» **What you will do**:
Below are entries; copy exactly the lines from the one with "Suite Entrance Door" through the one with "fill(opening_3, door_3)", both included, and leave out the rest.
━━━ Working data ━━━
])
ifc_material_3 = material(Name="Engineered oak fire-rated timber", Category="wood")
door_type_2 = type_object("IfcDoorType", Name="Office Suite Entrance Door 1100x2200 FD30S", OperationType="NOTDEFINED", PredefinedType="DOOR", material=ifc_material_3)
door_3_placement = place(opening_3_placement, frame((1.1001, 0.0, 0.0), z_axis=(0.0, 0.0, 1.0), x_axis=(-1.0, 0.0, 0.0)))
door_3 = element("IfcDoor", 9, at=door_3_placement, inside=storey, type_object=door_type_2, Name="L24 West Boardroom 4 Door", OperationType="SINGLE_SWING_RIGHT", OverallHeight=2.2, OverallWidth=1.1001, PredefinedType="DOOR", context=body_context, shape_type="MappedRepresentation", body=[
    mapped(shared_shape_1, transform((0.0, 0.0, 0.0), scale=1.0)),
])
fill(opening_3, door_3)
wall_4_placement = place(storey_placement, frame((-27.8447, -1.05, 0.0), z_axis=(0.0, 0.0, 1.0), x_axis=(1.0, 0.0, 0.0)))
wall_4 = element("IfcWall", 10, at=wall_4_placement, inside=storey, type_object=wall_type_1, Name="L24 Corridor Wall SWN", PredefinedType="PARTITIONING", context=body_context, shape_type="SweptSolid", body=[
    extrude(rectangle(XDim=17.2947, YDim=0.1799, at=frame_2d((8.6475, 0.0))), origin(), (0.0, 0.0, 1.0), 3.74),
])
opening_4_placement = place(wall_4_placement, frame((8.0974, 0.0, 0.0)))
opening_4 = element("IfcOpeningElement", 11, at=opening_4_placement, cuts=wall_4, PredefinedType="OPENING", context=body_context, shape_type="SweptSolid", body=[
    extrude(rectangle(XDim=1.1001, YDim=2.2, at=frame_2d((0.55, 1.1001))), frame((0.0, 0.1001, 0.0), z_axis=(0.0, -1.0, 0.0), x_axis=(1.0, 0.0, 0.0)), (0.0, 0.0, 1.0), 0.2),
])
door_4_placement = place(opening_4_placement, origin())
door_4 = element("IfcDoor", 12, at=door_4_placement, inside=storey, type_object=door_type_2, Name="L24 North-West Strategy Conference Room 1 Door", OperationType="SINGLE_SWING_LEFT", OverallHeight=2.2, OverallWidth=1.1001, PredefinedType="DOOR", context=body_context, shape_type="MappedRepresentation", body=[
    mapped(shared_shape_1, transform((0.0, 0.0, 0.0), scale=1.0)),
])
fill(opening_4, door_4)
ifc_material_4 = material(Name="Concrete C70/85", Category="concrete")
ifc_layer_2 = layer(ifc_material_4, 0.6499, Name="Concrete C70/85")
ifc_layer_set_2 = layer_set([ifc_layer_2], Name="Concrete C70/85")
━━━
» **Answer area**:
door_type_2 = type_object("IfcDoorType", Name="Office Suite Entrance Door 1100x2200 FD30S", OperationType="NOTDEFINED", PredefinedType="DOOR", material=ifc_material_3)
door_3_placement = place(opening_3_placement, frame((1.1001, 0.0, 0.0), z_axis=(0.0, 0.0, 1.0), x_axis=(-1.0, 0.0, 0.0)))
door_3 = element("IfcDoor", 9, at=door_3_placement, inside=storey, type_object=door_type_2, Name="L24 West Boardroom 4 Door", OperationType="SINGLE_SWING_RIGHT", OverallHeight=2.2, OverallWidth=1.1001, PredefinedType="DOOR", context=body_context, shape_type="MappedRepresentation", body=[
    mapped(shared_shape_1, transform((0.0, 0.0, 0.0), scale=1.0)),
])
fill(opening_3, door_3)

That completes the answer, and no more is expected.